→ **Exercise**:
Select every line below containing the word "IFCSHAPEREPRESENTATION".

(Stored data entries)
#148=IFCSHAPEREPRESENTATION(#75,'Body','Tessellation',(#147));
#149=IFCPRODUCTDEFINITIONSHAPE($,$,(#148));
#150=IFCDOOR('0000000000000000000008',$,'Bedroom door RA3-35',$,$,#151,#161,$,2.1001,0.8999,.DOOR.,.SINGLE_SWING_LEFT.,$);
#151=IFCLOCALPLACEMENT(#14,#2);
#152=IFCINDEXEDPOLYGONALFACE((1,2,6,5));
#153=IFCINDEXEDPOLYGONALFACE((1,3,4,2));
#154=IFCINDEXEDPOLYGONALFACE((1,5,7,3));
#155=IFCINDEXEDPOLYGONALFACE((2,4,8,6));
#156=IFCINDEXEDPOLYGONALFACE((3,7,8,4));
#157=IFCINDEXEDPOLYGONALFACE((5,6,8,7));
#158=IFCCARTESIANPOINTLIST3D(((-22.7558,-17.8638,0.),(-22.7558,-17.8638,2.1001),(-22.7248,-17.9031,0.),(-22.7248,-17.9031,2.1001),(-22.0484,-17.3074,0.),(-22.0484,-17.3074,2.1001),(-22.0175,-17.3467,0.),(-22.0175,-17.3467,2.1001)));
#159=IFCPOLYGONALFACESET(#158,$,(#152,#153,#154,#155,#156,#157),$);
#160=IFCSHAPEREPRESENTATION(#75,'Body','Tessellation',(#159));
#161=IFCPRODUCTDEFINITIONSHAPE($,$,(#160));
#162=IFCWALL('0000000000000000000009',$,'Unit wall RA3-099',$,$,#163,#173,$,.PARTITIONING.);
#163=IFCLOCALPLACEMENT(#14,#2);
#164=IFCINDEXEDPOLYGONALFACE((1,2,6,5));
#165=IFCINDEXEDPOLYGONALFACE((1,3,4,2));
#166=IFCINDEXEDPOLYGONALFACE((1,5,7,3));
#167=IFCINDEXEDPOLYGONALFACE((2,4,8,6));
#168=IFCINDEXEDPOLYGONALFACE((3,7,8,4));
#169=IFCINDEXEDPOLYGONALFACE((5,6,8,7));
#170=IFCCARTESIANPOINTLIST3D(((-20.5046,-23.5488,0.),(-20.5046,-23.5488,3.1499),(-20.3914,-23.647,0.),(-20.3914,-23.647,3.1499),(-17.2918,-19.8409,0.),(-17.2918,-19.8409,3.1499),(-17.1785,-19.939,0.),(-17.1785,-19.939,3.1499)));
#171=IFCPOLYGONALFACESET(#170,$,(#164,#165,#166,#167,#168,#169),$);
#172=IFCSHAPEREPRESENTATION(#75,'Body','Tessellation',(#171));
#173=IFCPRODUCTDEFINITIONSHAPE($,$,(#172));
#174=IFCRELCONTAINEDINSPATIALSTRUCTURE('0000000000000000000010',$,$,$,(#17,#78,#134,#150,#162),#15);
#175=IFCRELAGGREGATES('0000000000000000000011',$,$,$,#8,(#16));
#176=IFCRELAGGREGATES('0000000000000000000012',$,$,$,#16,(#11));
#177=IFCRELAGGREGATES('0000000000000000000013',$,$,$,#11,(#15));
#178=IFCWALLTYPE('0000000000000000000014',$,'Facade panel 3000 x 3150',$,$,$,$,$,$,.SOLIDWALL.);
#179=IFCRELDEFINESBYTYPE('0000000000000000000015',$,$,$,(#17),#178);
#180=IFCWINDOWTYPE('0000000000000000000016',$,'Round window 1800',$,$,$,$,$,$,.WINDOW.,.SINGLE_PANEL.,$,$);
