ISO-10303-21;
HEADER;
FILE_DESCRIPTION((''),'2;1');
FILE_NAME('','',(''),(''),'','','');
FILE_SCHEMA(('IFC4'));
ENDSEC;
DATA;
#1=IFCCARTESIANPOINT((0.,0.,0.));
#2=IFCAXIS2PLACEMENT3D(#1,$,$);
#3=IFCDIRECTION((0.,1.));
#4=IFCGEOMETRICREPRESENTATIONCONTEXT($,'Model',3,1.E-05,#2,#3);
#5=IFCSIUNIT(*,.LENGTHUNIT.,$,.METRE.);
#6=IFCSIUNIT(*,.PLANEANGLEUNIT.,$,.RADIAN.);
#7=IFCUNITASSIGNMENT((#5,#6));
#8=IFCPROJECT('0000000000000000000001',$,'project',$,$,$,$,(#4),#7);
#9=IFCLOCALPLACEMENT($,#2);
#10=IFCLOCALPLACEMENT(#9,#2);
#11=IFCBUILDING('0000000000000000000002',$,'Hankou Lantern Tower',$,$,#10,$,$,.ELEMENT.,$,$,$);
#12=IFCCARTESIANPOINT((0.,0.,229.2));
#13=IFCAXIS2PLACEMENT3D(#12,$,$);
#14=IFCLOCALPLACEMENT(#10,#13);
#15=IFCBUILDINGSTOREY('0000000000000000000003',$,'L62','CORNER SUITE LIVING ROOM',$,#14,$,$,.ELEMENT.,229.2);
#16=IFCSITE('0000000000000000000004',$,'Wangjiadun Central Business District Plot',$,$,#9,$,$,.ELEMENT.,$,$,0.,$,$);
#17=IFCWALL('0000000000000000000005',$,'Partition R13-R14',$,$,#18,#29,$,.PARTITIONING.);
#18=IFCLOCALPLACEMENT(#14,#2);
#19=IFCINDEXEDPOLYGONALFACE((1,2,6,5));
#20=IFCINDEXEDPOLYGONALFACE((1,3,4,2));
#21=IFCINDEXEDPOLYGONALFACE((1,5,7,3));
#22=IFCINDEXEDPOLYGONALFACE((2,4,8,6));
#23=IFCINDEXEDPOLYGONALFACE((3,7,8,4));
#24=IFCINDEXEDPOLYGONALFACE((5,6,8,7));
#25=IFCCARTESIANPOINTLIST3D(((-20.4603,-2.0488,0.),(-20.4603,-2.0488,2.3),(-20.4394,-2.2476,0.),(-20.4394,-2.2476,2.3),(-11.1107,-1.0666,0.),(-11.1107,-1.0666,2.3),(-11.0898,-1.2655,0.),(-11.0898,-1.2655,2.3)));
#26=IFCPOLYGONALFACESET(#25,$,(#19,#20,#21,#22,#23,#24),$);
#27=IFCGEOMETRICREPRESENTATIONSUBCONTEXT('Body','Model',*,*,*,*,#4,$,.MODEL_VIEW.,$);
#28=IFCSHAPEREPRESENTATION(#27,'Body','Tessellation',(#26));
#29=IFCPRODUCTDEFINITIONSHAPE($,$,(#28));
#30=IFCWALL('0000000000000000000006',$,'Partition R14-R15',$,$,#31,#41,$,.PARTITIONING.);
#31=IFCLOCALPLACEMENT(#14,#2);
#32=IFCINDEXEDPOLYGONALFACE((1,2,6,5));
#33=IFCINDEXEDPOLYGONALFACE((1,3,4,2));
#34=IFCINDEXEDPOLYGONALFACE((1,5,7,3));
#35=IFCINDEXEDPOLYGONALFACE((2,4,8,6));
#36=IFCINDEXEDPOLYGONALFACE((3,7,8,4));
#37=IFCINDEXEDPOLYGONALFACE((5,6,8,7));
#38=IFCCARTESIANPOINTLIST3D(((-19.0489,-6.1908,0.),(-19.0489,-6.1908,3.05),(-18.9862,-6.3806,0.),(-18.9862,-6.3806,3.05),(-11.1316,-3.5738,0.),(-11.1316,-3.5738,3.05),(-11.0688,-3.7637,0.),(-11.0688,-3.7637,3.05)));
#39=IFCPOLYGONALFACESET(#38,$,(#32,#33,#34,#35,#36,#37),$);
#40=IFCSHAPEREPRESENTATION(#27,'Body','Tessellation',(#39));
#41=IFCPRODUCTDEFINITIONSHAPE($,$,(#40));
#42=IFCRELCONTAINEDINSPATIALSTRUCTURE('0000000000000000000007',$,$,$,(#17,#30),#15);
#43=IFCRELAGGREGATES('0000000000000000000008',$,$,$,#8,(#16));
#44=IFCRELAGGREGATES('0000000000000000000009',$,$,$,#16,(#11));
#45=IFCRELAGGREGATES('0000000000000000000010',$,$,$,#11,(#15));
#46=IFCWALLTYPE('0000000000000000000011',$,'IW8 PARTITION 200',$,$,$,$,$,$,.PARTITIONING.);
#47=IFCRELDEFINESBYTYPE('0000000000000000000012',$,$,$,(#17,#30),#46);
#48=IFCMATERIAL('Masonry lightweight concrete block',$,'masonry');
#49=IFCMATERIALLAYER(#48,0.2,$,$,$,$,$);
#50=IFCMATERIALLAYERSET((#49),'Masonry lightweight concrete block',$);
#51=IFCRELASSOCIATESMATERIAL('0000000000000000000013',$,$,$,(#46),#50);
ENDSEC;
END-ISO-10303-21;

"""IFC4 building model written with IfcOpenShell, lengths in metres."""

from ifc_helpers import new_model, si_unit, direction, frame, frame_2d, origin, place, context, subcontext, project, spatial, rectangle, extrude, material, layer, layer_set, type_object, element, save


model = new_model("IFC4")

# Units and contexts
model_context = context("Model", 3, precision=1e-05, world=origin(), true_north=direction((0.0, 1.0)))
body_context = subcontext(model_context, "Body", "Model", "MODEL_VIEW")
ifc_project = project(units=[si_unit("LENGTHUNIT", "METRE"), si_unit("PLANEANGLEUNIT", "RADIAN")], contexts=[model_context])

# Site, building, storey
site_placement = place(None, origin())
site = spatial("IfcSite", under=ifc_project, at=site_placement, Name="Wangjiadun Central Business District Plot", CompositionType="ELEMENT", RefElevation=0.0)
building_placement = place(site_placement, origin())
building = spatial("IfcBuilding", under=site, at=building_placement, Name="Hankou Lantern Tower", CompositionType="ELEMENT")
storey_placement = place(building_placement, frame((0.0, 0.0, 229.2)))
storey = spatial("IfcBuildingStorey", under=building, at=storey_placement, Name="L62", Description="CORNER SUITE LIVING ROOM", CompositionType="ELEMENT", Elevation=229.2)

# Walls
ifc_material_1 = material(Name="Masonry lightweight concrete block", Category="masonry")
ifc_layer_1 = layer(ifc_material_1, 0.2)
ifc_layer_set_1 = layer_set([ifc_layer_1], Name="Masonry lightweight concrete block")
wall_type_1 = type_object("IfcWallType", Name="IW8 PARTITION 200", PredefinedType="PARTITIONING", material=ifc_layer_set_1)
wall_1_placement = place(storey_placement, frame((-11.1001, -1.166, 0.0), z_axis=(0.0, 0.0, 1.0), x_axis=(-0.994527, -0.104475, 0.0)))
element("IfcWall", 1, at=wall_1_placement, inside=storey, type_object=wall_type_1, Name="Partition R13-R14", PredefinedType="PARTITIONING", context=body_context, shape_type="SweptSolid", body=[
    extrude(rectangle(XDim=9.4011, YDim=0.2, at=frame_2d((4.7007, 0.0))), origin(), (0.0, 0.0, 1.0), 2.3),
])
wall_2_placement = place(storey_placement, frame((-11.1001, -3.6687, 0.0), z_axis=(0.0, 0.0, 1.0), x_axis=(-0.949477, -0.313838, 0.0)))
element("IfcWall", 2, at=wall_2_placement, inside=storey, type_object=wall_type_1, Name="Partition R14-R15", PredefinedType="PARTITIONING", context=body_context, shape_type="SweptSolid", body=[
    extrude(rectangle(XDim=8.3386, YDim=0.2, at=frame_2d((4.1694, 0.0))), origin(), (0.0, 0.0, 1.0), 3.05),
])

save(model, "model.ifc")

→ **Exercise solution**:
#148=IFCSHAPEREPRESENTATION(#75,'Body','Tessellation',(#147));
#160=IFCSHAPEREPRESENTATION(#75,'Body','Tessellation',(#159));
#172=IFCSHAPEREPRESENTATION(#75,'Body','Tessellation',(#171));
#28=IFCSHAPEREPRESENTATION(#27,'Body','Tessellation',(#26));
#40=IFCSHAPEREPRESENTATION(#27,'Body','Tessellation',(#39));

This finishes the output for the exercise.